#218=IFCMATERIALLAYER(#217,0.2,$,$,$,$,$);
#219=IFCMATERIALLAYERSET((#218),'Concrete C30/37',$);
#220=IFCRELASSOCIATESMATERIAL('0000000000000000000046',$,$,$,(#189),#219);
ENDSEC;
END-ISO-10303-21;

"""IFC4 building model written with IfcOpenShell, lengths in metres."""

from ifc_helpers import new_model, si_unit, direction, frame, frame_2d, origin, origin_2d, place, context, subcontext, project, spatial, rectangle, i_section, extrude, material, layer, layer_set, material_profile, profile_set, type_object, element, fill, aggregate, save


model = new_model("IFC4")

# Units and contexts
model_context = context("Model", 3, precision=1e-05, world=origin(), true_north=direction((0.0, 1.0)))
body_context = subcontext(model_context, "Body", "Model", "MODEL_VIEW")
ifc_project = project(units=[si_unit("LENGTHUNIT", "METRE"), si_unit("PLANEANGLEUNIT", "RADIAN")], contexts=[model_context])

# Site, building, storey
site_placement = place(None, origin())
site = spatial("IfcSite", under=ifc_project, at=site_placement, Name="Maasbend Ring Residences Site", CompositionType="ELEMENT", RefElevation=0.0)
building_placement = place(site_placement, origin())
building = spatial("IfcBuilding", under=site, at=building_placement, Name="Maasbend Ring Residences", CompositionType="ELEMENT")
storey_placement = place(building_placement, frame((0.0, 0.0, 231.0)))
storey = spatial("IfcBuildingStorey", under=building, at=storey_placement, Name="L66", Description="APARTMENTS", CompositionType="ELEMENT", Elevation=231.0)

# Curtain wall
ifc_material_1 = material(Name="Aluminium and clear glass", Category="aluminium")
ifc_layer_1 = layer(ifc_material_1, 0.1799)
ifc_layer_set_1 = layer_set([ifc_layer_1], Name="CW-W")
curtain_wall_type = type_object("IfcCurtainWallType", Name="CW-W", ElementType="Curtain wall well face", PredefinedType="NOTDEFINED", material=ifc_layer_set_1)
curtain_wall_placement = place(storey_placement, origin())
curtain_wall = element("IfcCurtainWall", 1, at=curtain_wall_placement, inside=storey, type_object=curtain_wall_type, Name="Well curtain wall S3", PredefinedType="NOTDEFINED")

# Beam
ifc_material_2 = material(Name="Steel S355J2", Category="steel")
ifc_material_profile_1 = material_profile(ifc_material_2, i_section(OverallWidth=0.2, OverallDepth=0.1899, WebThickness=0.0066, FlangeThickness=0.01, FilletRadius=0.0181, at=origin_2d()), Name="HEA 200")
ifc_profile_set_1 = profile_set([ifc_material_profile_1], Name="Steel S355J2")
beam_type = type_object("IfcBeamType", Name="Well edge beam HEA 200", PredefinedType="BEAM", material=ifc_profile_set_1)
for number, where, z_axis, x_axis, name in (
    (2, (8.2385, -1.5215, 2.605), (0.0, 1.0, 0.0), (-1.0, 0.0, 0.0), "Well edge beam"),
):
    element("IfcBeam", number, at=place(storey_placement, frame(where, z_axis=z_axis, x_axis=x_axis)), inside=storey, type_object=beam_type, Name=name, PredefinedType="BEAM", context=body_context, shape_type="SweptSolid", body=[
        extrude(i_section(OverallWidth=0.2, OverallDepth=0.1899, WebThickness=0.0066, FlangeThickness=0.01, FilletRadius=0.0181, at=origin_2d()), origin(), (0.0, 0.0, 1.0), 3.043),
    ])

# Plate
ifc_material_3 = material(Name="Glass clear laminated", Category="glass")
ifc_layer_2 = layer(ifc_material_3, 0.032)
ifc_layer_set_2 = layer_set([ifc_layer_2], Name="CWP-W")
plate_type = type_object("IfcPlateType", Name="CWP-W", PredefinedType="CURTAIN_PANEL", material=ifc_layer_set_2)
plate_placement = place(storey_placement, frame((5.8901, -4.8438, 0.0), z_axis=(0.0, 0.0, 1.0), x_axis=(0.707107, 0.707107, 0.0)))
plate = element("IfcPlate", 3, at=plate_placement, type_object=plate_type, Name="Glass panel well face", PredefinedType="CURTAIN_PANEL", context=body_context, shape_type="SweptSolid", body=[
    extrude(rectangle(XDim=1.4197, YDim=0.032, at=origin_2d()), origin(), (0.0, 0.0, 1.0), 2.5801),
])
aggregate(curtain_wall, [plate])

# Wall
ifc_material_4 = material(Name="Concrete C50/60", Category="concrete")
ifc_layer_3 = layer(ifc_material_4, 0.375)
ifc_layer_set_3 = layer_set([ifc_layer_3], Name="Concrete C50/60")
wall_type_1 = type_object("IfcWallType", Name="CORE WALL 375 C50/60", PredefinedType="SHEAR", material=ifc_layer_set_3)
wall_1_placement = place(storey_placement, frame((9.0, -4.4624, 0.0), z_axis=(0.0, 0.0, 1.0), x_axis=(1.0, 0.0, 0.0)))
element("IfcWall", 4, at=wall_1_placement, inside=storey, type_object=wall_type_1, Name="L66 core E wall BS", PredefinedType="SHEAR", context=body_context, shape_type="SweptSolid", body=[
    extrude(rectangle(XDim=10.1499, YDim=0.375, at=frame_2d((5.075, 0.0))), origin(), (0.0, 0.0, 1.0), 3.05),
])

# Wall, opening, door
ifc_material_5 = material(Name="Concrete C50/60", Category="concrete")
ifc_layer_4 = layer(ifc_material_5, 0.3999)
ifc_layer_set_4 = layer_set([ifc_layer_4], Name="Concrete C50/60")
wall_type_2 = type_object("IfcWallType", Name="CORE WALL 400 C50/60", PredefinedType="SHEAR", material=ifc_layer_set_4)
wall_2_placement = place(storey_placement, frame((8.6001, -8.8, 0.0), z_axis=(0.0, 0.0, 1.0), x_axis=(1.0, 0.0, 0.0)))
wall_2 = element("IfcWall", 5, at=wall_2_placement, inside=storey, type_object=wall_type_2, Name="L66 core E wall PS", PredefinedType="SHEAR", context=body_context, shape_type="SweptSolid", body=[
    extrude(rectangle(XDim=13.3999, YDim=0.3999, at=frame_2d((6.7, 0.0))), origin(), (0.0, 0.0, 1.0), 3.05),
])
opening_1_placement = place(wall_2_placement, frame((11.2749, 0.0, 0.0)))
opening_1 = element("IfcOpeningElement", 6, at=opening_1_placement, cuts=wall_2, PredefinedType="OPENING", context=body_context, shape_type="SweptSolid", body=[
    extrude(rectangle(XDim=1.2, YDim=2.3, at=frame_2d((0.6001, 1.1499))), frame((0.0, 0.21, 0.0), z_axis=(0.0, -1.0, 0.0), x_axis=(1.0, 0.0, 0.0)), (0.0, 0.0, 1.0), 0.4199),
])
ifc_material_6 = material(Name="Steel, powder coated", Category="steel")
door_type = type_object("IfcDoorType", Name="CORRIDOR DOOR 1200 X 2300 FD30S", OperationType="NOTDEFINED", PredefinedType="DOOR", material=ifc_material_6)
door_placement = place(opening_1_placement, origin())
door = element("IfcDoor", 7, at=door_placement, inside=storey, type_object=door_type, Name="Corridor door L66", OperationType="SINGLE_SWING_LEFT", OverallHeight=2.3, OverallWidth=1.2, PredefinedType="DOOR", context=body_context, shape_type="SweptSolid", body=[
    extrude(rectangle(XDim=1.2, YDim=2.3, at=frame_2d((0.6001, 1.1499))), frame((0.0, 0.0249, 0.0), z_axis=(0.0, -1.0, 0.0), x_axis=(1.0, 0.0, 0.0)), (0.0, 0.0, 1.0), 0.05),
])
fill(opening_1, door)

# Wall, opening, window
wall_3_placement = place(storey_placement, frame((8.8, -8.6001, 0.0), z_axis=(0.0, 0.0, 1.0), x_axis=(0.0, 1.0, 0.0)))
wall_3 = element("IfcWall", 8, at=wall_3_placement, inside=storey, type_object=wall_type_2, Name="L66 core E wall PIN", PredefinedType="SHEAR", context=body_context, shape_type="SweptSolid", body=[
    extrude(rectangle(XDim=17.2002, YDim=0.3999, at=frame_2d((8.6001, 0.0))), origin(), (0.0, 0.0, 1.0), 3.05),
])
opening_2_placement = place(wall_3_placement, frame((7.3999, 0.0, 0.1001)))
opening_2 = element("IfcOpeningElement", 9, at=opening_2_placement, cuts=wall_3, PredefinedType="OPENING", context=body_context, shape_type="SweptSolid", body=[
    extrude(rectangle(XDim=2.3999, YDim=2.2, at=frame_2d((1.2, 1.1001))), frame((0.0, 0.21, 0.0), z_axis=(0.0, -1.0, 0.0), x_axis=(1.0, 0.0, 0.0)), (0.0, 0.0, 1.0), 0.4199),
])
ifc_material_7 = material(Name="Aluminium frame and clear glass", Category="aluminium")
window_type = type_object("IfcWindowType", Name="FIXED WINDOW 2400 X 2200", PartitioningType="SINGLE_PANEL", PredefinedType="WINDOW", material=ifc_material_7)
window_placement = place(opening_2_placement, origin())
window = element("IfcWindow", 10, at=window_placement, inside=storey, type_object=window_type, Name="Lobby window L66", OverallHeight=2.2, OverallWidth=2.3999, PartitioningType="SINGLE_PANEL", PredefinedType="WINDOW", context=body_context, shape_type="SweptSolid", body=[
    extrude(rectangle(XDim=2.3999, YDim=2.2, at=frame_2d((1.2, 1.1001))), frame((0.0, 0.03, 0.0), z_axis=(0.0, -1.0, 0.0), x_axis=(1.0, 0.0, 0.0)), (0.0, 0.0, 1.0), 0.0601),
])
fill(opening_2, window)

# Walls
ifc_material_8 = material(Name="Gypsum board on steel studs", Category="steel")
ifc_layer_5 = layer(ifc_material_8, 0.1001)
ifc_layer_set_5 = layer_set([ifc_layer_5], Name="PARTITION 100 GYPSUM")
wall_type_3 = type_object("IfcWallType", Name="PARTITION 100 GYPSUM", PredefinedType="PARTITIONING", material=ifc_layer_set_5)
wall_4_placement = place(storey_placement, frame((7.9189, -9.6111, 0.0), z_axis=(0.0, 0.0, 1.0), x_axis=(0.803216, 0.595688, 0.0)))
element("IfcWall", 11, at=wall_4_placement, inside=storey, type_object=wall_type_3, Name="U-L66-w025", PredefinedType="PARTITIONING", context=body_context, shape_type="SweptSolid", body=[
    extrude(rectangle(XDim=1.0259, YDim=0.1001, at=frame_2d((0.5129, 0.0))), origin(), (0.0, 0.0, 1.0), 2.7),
※ ※ ※
■ **Work to be completed**: Begin with the first line of the records and reproduce each line as is, ending with the line that holds "building model written".

■ **Solution**:
#218=IFCMATERIALLAYER(#217,0.2,$,$,$,$,$);
#219=IFCMATERIALLAYERSET((#218),'Concrete C30/37',$);
#220=IFCRELASSOCIATESMATERIAL('0000000000000000000046',$,$,$,(#189),#219);
ENDSEC;
END-ISO-10303-21;

"""IFC4 building model written with IfcOpenShell, lengths in metres."""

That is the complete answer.